[Saved data entries]
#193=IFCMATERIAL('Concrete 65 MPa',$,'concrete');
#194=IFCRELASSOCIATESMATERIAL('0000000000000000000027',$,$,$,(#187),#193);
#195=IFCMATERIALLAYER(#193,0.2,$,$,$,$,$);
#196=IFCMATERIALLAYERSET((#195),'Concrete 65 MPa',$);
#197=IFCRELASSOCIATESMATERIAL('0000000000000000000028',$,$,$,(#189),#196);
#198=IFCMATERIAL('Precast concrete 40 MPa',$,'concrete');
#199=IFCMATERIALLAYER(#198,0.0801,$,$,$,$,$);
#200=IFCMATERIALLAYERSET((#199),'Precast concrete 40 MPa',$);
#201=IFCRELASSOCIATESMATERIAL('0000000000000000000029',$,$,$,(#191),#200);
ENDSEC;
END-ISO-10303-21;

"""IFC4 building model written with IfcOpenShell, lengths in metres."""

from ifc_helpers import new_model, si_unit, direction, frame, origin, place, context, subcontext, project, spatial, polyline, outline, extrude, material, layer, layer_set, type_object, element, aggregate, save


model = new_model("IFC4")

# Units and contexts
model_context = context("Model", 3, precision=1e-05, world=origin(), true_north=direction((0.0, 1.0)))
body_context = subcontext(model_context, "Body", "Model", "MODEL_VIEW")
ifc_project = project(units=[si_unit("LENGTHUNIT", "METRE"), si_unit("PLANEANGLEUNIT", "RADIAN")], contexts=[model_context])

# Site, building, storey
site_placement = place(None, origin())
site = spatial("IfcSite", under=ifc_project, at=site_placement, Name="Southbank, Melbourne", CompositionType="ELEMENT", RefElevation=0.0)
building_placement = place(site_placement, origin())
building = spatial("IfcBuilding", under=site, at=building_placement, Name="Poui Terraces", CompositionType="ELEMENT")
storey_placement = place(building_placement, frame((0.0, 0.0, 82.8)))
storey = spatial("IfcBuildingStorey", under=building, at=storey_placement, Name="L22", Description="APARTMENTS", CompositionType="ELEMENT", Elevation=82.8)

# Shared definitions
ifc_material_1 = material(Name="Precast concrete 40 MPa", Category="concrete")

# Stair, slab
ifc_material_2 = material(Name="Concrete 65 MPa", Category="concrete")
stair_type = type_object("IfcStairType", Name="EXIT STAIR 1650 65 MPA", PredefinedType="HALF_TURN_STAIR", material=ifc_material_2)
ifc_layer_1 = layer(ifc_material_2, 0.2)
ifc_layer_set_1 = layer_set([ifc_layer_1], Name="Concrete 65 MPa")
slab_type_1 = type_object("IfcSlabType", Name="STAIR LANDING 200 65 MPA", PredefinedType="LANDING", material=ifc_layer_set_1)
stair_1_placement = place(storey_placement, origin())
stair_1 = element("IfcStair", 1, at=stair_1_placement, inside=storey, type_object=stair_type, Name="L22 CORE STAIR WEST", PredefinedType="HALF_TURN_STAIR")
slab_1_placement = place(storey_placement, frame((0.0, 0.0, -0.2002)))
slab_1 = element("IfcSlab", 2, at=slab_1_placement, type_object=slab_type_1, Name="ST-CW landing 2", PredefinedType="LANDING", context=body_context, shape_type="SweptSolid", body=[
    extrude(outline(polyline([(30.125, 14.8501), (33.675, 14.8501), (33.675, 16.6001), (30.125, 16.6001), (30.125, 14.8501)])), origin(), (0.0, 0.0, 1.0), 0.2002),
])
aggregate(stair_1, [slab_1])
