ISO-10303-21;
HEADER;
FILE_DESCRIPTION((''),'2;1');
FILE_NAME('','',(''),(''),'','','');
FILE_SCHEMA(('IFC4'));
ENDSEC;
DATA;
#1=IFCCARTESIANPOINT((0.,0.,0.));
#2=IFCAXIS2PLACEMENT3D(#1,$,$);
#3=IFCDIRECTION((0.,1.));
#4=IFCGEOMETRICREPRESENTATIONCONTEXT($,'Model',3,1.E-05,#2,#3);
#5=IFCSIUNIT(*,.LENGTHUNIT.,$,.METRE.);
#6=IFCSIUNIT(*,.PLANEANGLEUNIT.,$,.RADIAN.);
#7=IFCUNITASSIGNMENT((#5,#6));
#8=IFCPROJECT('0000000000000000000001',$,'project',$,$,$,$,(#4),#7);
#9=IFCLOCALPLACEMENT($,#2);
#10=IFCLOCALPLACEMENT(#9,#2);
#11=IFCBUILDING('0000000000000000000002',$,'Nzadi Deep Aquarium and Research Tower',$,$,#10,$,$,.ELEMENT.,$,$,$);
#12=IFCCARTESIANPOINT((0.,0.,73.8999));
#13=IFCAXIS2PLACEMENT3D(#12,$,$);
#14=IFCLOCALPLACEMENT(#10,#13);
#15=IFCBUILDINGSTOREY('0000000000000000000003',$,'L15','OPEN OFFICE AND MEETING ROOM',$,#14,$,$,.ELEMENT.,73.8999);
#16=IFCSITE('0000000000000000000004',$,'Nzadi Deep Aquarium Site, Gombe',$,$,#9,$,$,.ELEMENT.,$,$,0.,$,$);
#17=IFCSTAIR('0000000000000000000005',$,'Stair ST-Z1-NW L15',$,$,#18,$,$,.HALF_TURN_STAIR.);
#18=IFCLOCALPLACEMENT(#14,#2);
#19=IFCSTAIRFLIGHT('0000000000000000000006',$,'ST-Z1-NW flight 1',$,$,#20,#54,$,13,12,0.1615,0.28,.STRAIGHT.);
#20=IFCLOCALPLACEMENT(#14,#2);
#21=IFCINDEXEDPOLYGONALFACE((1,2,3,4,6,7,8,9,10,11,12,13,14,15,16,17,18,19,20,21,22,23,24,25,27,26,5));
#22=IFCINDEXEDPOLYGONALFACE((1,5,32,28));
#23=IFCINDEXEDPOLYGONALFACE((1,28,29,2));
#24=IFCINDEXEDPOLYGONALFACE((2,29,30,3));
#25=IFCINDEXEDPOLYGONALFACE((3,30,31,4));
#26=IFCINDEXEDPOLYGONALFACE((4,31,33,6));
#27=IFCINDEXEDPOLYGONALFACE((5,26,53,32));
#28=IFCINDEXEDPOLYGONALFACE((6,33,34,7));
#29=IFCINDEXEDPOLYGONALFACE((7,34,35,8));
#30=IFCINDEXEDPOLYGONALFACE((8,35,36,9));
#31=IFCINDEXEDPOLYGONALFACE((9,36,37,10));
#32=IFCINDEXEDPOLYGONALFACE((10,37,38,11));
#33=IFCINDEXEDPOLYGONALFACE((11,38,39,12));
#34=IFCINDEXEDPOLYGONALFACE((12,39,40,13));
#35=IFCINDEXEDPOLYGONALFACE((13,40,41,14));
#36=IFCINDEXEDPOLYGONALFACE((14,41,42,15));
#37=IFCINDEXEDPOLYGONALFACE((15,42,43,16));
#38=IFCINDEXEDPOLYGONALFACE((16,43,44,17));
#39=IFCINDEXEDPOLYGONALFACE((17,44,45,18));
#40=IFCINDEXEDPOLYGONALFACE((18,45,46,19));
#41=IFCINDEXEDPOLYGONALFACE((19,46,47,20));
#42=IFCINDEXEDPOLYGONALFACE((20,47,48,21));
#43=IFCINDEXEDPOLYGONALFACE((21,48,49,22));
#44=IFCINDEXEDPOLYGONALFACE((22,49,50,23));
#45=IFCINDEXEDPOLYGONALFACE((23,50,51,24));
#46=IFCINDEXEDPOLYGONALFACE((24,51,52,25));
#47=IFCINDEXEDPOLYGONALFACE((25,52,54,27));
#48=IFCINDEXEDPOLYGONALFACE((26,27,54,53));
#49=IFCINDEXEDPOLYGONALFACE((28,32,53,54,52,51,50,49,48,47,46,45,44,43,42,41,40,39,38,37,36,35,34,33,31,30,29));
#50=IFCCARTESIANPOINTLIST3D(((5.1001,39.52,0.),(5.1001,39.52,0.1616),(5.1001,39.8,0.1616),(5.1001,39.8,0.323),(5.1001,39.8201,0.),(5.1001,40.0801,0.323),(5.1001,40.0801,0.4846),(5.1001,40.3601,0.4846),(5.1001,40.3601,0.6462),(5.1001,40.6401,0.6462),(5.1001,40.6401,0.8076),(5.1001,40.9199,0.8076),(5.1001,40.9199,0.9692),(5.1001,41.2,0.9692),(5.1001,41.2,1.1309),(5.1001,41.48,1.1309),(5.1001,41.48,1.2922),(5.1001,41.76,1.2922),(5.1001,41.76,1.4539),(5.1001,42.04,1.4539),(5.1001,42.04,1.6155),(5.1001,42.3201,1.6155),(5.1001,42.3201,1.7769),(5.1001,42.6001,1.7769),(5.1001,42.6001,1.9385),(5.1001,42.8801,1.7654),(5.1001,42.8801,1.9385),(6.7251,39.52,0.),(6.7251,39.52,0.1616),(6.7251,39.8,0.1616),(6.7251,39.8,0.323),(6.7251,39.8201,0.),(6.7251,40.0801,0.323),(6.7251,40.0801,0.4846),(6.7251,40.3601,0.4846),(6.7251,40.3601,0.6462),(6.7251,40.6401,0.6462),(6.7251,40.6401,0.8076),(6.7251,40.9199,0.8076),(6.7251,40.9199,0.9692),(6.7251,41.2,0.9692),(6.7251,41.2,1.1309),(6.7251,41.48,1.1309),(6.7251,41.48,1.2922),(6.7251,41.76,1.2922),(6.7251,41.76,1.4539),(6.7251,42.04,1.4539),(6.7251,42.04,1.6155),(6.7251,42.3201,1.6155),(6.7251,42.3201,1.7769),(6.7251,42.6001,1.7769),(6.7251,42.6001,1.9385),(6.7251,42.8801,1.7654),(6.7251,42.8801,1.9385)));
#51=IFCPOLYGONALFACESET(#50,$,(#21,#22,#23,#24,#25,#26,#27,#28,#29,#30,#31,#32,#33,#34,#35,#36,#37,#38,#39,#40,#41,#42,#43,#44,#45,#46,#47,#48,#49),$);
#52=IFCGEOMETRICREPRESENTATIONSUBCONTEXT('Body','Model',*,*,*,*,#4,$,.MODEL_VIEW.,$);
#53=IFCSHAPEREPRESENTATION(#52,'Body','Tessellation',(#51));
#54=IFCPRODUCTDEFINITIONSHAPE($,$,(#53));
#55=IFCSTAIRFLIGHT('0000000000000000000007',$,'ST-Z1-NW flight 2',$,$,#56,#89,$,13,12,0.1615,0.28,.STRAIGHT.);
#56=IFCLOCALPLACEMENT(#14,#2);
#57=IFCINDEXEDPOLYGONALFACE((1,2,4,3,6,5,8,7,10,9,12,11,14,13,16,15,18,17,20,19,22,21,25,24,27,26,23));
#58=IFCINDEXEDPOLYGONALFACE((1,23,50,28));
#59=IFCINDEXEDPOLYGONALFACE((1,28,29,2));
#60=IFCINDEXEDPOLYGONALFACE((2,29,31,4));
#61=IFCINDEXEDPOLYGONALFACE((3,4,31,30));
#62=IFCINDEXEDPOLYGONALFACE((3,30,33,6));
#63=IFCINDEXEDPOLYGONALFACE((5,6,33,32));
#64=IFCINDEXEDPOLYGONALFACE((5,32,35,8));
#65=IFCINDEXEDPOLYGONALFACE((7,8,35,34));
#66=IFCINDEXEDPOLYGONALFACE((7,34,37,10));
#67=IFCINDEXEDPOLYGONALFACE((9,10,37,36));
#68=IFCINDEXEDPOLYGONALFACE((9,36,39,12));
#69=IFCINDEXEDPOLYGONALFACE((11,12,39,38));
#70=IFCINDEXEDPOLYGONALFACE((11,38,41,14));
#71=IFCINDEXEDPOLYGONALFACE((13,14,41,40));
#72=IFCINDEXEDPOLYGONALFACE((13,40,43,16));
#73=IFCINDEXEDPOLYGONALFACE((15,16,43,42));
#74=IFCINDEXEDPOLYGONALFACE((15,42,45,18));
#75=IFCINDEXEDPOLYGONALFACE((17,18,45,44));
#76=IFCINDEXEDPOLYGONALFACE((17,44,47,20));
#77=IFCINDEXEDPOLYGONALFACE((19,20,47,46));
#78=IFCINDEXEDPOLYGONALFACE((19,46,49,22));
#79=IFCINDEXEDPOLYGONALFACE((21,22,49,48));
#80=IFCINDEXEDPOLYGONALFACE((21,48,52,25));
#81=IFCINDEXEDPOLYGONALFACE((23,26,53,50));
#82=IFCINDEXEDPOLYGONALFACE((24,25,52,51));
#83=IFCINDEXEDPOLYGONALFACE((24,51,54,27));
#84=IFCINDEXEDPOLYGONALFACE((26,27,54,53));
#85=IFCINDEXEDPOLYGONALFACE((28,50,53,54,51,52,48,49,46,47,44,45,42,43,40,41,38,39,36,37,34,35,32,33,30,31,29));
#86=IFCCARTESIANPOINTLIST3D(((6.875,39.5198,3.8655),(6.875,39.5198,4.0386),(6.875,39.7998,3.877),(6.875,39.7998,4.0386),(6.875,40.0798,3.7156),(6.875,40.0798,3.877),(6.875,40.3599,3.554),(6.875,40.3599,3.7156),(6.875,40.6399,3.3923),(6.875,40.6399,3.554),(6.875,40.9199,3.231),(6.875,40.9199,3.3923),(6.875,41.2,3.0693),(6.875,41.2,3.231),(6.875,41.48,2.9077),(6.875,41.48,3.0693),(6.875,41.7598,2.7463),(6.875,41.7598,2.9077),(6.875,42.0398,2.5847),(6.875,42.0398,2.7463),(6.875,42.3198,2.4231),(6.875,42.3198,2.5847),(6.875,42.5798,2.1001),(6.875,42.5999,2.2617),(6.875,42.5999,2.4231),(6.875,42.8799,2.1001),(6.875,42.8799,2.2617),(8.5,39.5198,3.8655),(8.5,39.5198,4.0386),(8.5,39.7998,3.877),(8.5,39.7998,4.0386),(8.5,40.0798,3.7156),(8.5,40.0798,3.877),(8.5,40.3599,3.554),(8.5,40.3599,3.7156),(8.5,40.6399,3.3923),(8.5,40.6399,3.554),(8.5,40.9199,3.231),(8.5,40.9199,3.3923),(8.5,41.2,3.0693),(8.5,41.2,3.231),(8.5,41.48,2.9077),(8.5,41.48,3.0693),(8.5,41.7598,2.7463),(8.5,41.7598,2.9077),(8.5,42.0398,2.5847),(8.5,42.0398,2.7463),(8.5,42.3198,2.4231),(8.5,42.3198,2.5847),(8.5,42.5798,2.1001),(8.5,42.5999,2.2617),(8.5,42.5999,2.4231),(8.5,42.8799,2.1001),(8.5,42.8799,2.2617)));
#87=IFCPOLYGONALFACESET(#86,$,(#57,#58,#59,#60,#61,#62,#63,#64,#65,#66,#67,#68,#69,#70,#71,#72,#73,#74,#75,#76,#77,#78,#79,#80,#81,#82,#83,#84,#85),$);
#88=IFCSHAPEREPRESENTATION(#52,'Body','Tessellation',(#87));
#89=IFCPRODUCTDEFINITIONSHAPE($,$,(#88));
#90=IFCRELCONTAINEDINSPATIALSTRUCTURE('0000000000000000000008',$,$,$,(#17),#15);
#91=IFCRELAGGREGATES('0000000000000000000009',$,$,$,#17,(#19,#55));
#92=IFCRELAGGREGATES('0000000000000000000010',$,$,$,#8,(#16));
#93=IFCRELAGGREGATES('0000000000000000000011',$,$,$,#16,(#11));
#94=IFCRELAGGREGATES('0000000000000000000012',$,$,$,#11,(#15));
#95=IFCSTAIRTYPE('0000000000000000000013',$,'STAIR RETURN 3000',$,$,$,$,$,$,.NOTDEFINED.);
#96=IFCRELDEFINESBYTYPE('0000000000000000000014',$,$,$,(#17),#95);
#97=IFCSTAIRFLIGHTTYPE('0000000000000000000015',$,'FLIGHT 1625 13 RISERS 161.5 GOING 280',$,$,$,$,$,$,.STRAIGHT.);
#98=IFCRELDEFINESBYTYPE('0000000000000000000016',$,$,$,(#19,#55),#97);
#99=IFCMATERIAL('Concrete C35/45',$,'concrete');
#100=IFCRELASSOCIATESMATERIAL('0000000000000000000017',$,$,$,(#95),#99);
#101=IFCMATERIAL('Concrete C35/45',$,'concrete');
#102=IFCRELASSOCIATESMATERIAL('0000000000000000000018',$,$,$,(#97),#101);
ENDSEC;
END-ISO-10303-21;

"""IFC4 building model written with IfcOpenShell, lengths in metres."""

from ifc_helpers import new_model, si_unit, direction, frame, origin, place, context, subcontext, project, spatial, polyline, outline, extrude, material, type_object, element, aggregate, save


model = new_model("IFC4")

# Units and contexts
model_context = context("Model", 3, precision=1e-05, world=origin(), true_north=direction((0.0, 1.0)))
body_context = subcontext(model_context, "Body", "Model", "MODEL_VIEW")
ifc_project = project(units=[si_unit("LENGTHUNIT", "METRE"), si_unit("PLANEANGLEUNIT", "RADIAN")], contexts=[model_context])

# Site, building, storey
site_placement = place(None, origin())
site = spatial("IfcSite", under=ifc_project, at=site_placement, Name="Nzadi Deep Aquarium Site, Gombe", CompositionType="ELEMENT", RefElevation=0.0)
building_placement = place(site_placement, origin())
building = spatial("IfcBuilding", under=site, at=building_placement, Name="Nzadi Deep Aquarium and Research Tower", CompositionType="ELEMENT")
storey_placement = place(building_placement, frame((0.0, 0.0, 73.8999)))
storey = spatial("IfcBuildingStorey", under=building, at=storey_placement, Name="L15", Description="OPEN OFFICE AND MEETING ROOM", CompositionType="ELEMENT", Elevation=73.8999)

# Stair, stair flights
ifc_material_1 = material(Name="Concrete C35/45", Category="concrete")
stair_type = type_object("IfcStairType", Name="STAIR RETURN 3000", PredefinedType="NOTDEFINED", material=ifc_material_1)
stair_placement = place(storey_placement, origin())
stair = element("IfcStair", 1, at=stair_placement, inside=storey, type_object=stair_type, Name="Stair ST-Z1-NW L15", PredefinedType="HALF_TURN_STAIR")
ifc_material_2 = material(Name="Concrete C35/45", Category="concrete")
stair_flight_type = type_object("IfcStairFlightType", Name="FLIGHT 1625 13 RISERS 161.5 GOING 280", PredefinedType="STRAIGHT", material=ifc_material_2)
stair_flight_1_placement = place(storey_placement, frame((5.9126, 39.52, 0.0), z_axis=(0.0, 0.0, 1.0), x_axis=(0.0, 1.0, 0.0)))
stair_flight_1 = element("IfcStairFlight", 2, at=stair_flight_1_placement, type_object=stair_flight_type, Name="ST-Z1-NW flight 1", NumberOfRisers=13, NumberOfTreads=12, PredefinedType="STRAIGHT", RiserHeight=0.1615, TreadLength=0.28, context=body_context, shape_type="SweptSolid", body=[
    extrude(outline(polyline([(0.0, 0.0), (0.0, 0.1616), (0.28, 0.1616), (0.28, 0.323), (0.5601, 0.323), (0.5601, 0.4846), (0.8401, 0.4846), (0.8401, 0.6462), (1.1201, 0.6462), (1.1201, 0.8076), (1.3999, 0.8076), (1.3999, 0.9692), (1.6799, 0.9692), (1.6799, 1.1309), (1.96, 1.1309), (1.96, 1.2922), (2.24, 1.2922), (2.24, 1.4539), (2.52, 1.4539), (2.52, 1.6155), (2.8, 1.6155), (2.8, 1.7769), (3.0801, 1.7769), (3.0801, 1.9385), (3.3601, 1.9385), (3.3601, 2.1001), (3.3601, 1.7654), (0.3, 0.0), (0.0, 0.0)])), frame((0.0, 0.8125, 0.0), z_axis=(0.0, -1.0, 0.0), x_axis=(1.0, 0.0, 0.0)), (0.0, 0.0, 1.0), 1.625),
])
stair_flight_2_placement = place(storey_placement, frame((7.6875, 42.8799, 2.1001), z_axis=(0.0, 0.0, 1.0), x_axis=(0.0, -1.0, 0.0)))
stair_flight_2 = element("IfcStairFlight", 3, at=stair_flight_2_placement, type_object=stair_flight_type, Name="ST-Z1-NW flight 2", NumberOfRisers=13, NumberOfTreads=12, PredefinedType="STRAIGHT", RiserHeight=0.1615, TreadLength=0.28, context=body_context, shape_type="SweptSolid", body=[
    extrude(outline(polyline([(0.0, 0.0), (0.0, 0.1616), (0.28, 0.1616), (0.28, 0.323), (0.5601, 0.323), (0.5601, 0.4846), (0.8401, 0.4846), (0.8401, 0.6462), (1.1201, 0.6462), (1.1201, 0.8076), (1.3999, 0.8076), (1.3999, 0.9692), (1.6799, 0.9692), (1.6799, 1.1309), (1.96, 1.1309), (1.96, 1.2922), (2.24, 1.2922), (2.24, 1.4539), (2.52, 1.4539), (2.52, 1.6155), (2.8, 1.6155), (2.8, 1.7769), (3.0801, 1.7769), (3.0801, 1.9385), (3.3601, 1.9385), (3.3601, 2.1001), (3.3601, 1.7654), (0.3, 0.0), (0.0, 0.0)])), frame((0.0, 0.8125, 0.0), z_axis=(0.0, -1.0, 0.0), x_axis=(1.0, 0.0, 0.0)), (0.0, 0.0, 1.0), 1.625),
])
aggregate(stair, [stair_flight_1, stair_flight_2])

save(model, "model.ifc")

_WORK TO BE COMPLETED_: Above are the records. Identify each line that contains the word "IFCSHAPEREPRESENTATION".

_SOLUTION TO THE EXERCISE_:
#53=IFCSHAPEREPRESENTATION(#52,'Body','Tessellation',(#51));
#88=IFCSHAPEREPRESENTATION(#52,'Body','Tessellation',(#87));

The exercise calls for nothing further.